Pull out from the material below all lines with "under".
┌────────
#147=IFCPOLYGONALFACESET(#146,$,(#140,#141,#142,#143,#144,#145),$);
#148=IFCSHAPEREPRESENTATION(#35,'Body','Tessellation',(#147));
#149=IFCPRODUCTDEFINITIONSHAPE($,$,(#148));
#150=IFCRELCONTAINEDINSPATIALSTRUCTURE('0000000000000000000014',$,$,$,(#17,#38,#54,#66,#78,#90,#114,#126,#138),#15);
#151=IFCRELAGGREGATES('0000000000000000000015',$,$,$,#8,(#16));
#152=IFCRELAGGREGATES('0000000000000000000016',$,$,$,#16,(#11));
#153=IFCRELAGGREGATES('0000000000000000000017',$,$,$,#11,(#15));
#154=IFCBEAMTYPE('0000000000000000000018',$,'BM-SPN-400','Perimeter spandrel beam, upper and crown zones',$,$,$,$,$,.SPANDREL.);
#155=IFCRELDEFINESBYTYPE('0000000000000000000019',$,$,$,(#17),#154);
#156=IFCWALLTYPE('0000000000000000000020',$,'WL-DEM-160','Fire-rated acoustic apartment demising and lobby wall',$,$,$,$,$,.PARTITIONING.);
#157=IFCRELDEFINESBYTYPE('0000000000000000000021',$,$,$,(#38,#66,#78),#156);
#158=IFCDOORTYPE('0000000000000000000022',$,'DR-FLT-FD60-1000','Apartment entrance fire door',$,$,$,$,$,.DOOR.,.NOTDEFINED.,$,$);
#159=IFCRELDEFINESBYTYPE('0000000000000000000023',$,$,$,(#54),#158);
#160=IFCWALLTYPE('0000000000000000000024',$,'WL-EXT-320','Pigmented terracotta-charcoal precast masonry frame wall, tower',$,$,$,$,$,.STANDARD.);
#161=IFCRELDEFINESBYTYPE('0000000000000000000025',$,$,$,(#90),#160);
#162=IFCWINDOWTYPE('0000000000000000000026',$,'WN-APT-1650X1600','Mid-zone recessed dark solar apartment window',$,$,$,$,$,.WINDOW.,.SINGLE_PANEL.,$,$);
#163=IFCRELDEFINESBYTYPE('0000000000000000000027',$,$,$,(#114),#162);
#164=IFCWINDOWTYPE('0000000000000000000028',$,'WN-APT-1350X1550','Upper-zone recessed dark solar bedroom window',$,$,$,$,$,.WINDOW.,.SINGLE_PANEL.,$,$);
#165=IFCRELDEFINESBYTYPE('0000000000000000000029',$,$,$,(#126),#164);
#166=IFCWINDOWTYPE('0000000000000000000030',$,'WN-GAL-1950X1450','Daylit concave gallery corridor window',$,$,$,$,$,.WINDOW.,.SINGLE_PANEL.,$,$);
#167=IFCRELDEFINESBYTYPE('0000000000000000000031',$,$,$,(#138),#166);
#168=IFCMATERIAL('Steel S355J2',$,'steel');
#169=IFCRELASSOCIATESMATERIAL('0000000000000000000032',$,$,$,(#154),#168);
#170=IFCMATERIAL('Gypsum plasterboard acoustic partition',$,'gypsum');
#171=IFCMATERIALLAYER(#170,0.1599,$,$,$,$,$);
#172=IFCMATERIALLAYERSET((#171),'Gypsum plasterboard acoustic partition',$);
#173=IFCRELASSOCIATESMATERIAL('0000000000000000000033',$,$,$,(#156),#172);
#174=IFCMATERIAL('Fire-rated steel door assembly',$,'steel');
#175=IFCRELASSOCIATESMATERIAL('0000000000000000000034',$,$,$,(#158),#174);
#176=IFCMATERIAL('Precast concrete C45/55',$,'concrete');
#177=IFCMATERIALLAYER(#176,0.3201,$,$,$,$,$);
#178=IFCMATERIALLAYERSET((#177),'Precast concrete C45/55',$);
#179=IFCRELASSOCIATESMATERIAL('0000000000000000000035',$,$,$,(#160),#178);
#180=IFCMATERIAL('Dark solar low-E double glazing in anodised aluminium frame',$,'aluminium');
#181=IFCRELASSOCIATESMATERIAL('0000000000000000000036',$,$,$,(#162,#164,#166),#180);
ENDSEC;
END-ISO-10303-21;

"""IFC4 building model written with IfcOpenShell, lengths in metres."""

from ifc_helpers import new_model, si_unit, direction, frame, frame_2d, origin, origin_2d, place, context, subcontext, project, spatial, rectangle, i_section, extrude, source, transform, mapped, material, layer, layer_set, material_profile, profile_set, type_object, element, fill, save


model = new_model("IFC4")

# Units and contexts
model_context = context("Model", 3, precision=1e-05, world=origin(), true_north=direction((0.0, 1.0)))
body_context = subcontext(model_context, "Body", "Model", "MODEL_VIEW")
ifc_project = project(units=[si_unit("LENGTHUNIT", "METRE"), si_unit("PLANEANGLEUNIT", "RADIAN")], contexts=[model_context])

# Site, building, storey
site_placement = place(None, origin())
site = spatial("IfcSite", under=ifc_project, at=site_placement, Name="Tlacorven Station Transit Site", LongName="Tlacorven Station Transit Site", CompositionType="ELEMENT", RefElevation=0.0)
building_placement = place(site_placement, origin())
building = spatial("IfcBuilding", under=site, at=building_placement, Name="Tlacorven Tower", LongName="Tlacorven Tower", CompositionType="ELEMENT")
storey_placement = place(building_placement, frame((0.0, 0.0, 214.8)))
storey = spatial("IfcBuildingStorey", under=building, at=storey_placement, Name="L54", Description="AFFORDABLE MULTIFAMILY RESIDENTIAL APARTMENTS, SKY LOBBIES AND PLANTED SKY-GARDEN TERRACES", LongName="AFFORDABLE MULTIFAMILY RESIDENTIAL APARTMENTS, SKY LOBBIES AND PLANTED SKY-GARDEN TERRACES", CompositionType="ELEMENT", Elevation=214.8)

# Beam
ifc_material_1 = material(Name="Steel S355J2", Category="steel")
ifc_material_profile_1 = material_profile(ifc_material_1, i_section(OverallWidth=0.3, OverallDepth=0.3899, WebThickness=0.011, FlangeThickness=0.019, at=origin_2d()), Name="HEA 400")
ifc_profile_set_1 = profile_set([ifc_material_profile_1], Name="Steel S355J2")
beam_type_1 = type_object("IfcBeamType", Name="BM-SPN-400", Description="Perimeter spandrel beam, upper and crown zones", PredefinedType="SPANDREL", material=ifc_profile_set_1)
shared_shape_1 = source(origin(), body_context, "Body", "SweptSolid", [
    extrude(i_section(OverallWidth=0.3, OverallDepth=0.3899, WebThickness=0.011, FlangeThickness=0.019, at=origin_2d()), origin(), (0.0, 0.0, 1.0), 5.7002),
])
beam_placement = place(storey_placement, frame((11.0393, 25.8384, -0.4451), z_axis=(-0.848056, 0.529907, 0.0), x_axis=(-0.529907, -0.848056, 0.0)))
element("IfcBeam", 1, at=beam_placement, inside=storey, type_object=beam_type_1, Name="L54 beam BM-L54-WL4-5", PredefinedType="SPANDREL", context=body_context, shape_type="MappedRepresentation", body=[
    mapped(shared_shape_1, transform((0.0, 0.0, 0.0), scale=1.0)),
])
└────────
◆ **EXERCISE OUTPUT**
site = spatial("IfcSite", under=ifc_project, at=site_placement, Name="Tlacorven Station Transit Site", LongName="Tlacorven Station Transit Site", CompositionType="ELEMENT", RefElevation=0.0)
building = spatial("IfcBuilding", under=site, at=building_placement, Name="Tlacorven Tower", LongName="Tlacorven Tower", CompositionType="ELEMENT")
storey = spatial("IfcBuildingStorey", under=building, at=storey_placement, Name="L54", Description="AFFORDABLE MULTIFAMILY RESIDENTIAL APARTMENTS, SKY LOBBIES AND PLANTED SKY-GARDEN TERRACES", LongName="AFFORDABLE MULTIFAMILY RESIDENTIAL APARTMENTS, SKY LOBBIES AND PLANTED SKY-GARDEN TERRACES", CompositionType="ELEMENT", Elevation=214.8)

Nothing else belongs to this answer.